>>

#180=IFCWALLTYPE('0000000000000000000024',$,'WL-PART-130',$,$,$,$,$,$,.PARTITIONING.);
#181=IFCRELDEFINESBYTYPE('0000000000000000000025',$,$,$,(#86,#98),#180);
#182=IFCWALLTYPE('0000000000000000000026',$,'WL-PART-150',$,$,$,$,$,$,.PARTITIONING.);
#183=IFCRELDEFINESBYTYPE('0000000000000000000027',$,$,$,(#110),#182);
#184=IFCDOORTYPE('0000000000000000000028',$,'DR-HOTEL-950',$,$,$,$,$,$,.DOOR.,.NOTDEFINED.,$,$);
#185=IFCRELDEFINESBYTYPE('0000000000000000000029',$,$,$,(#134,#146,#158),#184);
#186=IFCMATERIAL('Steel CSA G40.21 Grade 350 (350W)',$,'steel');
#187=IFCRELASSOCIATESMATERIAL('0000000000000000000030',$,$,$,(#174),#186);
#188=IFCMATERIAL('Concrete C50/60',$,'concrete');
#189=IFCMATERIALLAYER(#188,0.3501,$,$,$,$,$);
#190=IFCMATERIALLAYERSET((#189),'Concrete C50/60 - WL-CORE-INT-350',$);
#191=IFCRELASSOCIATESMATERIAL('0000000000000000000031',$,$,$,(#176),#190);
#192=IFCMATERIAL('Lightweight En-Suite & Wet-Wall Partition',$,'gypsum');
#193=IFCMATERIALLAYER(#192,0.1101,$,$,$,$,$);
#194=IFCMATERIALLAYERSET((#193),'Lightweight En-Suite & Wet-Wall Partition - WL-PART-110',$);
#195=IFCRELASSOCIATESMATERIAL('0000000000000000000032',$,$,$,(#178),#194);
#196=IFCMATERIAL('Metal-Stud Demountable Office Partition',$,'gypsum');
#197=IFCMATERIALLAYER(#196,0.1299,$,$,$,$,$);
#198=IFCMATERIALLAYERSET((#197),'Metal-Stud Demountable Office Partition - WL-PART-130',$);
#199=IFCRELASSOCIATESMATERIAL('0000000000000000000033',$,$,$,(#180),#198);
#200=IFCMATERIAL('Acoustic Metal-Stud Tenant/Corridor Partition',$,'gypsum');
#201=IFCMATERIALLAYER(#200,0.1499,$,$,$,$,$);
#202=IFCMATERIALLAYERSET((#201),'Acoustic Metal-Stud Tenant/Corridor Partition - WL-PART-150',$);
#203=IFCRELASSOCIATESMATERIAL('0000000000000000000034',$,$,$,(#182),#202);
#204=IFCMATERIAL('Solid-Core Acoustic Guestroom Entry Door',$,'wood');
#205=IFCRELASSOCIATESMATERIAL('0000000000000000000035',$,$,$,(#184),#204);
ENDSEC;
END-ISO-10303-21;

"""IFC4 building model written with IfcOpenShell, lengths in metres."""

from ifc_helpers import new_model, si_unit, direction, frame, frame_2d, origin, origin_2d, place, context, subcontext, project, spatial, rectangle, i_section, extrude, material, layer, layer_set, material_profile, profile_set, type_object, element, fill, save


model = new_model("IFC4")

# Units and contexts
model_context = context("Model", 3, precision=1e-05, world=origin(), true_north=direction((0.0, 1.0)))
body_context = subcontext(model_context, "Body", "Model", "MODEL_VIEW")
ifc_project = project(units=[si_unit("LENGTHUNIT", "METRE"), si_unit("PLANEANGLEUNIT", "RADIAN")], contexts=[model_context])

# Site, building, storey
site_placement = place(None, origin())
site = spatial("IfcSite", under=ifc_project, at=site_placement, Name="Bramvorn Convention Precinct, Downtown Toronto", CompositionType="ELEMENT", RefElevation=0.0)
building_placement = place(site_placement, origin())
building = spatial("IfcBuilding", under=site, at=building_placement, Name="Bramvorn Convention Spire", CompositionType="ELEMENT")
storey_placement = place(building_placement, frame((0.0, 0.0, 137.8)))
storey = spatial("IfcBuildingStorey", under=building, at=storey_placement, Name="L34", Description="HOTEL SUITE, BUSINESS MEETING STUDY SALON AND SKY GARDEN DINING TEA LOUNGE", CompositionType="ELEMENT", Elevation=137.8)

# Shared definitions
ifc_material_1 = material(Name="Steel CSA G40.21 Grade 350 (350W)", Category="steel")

<<
>>

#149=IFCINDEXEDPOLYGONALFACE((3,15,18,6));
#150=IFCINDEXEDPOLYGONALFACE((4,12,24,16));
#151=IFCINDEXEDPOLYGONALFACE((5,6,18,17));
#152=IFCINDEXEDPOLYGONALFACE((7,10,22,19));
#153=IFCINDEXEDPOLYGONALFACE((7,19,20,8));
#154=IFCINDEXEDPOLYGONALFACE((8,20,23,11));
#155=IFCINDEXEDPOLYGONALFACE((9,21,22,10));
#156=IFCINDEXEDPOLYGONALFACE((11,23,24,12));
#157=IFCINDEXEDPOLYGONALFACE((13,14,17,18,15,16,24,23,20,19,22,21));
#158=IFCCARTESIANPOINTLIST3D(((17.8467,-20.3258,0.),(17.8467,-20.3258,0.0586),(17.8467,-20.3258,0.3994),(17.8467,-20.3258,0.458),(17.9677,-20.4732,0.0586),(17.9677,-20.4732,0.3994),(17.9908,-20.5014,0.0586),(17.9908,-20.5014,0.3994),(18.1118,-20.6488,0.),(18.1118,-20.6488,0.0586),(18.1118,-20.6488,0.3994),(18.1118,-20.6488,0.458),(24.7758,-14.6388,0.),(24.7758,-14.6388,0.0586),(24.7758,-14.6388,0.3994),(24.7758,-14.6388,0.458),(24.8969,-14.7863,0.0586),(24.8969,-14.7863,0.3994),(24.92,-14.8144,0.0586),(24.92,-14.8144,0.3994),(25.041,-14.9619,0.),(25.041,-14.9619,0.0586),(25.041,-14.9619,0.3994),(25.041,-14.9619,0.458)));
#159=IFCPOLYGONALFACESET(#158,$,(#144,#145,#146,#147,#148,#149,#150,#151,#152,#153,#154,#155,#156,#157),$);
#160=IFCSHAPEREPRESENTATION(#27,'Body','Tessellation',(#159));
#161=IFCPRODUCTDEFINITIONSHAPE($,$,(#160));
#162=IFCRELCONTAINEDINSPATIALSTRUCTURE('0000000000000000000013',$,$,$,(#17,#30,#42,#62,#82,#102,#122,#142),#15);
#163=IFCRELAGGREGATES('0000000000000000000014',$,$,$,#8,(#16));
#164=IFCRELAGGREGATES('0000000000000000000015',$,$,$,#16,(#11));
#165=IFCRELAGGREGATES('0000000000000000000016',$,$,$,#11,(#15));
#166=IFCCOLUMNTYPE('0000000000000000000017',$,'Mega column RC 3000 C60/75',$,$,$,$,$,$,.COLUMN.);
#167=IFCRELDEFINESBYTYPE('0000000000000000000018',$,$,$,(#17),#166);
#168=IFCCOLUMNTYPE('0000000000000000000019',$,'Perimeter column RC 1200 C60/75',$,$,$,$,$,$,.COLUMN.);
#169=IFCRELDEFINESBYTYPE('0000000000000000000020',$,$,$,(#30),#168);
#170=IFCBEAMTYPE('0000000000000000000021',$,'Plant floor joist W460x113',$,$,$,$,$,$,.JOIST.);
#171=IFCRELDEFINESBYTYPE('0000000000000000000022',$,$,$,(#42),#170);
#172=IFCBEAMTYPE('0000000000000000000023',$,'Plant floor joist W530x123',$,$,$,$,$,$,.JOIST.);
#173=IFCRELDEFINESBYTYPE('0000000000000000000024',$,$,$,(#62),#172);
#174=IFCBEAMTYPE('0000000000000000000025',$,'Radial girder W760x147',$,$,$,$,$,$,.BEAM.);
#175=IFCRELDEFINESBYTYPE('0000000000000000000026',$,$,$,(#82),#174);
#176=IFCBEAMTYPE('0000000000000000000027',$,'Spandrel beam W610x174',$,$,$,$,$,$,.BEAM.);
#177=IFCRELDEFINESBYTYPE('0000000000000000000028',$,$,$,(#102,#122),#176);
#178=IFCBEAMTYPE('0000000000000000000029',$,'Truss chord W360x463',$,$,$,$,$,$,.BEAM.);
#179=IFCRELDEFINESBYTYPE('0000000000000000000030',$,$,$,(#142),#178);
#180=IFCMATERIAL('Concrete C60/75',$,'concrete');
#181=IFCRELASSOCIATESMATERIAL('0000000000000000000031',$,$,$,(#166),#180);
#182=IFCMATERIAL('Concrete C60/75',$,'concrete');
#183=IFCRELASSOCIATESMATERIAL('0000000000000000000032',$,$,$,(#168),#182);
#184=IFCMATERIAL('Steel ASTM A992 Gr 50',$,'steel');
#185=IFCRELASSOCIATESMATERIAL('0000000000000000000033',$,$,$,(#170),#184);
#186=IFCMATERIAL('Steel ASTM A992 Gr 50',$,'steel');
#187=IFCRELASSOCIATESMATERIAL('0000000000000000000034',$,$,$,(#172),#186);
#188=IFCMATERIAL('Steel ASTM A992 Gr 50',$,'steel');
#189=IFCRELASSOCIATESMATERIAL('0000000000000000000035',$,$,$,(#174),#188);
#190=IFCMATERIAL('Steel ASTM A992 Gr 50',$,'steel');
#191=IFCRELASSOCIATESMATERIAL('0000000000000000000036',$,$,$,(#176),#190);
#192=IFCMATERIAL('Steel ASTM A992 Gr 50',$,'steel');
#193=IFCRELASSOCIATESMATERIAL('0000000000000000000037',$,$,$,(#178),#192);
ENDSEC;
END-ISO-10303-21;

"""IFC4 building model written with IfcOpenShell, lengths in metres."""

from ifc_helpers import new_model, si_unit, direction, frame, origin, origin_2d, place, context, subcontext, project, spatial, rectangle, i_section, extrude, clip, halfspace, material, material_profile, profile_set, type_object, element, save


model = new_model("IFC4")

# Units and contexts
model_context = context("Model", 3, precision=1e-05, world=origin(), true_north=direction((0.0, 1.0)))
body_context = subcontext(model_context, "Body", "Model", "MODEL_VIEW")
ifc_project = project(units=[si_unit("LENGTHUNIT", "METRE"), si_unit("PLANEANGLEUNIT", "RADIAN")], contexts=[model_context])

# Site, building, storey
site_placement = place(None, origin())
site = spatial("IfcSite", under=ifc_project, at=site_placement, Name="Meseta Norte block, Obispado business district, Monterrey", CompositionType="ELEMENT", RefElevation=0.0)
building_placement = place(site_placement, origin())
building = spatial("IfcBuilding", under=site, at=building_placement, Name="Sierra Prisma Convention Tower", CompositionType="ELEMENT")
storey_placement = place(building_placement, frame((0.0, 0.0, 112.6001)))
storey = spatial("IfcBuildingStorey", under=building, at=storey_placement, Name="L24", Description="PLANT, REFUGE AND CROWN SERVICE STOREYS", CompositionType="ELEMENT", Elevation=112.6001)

<<
>>

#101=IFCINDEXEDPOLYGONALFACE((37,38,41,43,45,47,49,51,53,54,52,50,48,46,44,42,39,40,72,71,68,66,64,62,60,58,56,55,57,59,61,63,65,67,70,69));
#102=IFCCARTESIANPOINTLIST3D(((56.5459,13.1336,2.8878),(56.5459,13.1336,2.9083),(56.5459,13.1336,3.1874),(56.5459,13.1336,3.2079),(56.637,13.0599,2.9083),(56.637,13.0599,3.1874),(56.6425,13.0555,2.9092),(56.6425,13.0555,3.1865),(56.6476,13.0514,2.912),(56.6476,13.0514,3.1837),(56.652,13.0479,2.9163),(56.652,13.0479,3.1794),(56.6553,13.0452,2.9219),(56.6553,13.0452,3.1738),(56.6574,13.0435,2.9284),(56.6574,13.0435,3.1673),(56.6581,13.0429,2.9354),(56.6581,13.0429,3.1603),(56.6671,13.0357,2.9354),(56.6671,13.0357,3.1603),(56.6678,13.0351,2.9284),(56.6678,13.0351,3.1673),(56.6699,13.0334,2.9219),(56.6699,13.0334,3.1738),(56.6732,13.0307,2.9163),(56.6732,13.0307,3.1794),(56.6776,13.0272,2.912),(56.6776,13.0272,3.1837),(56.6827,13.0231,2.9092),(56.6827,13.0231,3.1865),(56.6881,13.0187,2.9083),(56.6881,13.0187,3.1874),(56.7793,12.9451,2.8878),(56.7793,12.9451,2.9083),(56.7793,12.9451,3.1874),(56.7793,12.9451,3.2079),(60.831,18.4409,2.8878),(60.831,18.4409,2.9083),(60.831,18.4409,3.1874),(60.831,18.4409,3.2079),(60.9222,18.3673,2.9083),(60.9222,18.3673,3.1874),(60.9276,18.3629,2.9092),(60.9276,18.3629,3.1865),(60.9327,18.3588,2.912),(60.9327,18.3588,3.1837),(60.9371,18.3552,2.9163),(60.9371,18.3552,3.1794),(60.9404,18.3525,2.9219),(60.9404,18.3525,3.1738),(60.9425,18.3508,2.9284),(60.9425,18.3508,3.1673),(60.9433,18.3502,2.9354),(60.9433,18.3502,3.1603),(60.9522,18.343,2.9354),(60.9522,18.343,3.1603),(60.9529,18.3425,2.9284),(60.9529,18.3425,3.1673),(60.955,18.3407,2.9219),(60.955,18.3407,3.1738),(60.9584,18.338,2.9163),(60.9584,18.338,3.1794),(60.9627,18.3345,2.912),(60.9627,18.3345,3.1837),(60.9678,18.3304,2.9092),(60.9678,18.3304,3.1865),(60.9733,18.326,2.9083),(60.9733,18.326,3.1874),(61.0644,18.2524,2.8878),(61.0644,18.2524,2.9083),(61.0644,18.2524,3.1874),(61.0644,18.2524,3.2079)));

<<

From the entries above, return each line with the word "IFCBEAMTYPE" in it.

Completed task ▸
#170=IFCBEAMTYPE('0000000000000000000021',$,'Plant floor joist W460x113',$,$,$,$,$,$,.JOIST.);
#172=IFCBEAMTYPE('0000000000000000000023',$,'Plant floor joist W530x123',$,$,$,$,$,$,.JOIST.);
#174=IFCBEAMTYPE('0000000000000000000025',$,'Radial girder W760x147',$,$,$,$,$,$,.BEAM.);
#176=IFCBEAMTYPE('0000000000000000000027',$,'Spandrel beam W610x174',$,$,$,$,$,$,.BEAM.);
#178=IFCBEAMTYPE('0000000000000000000029',$,'Truss chord W360x463',$,$,$,$,$,$,.BEAM.);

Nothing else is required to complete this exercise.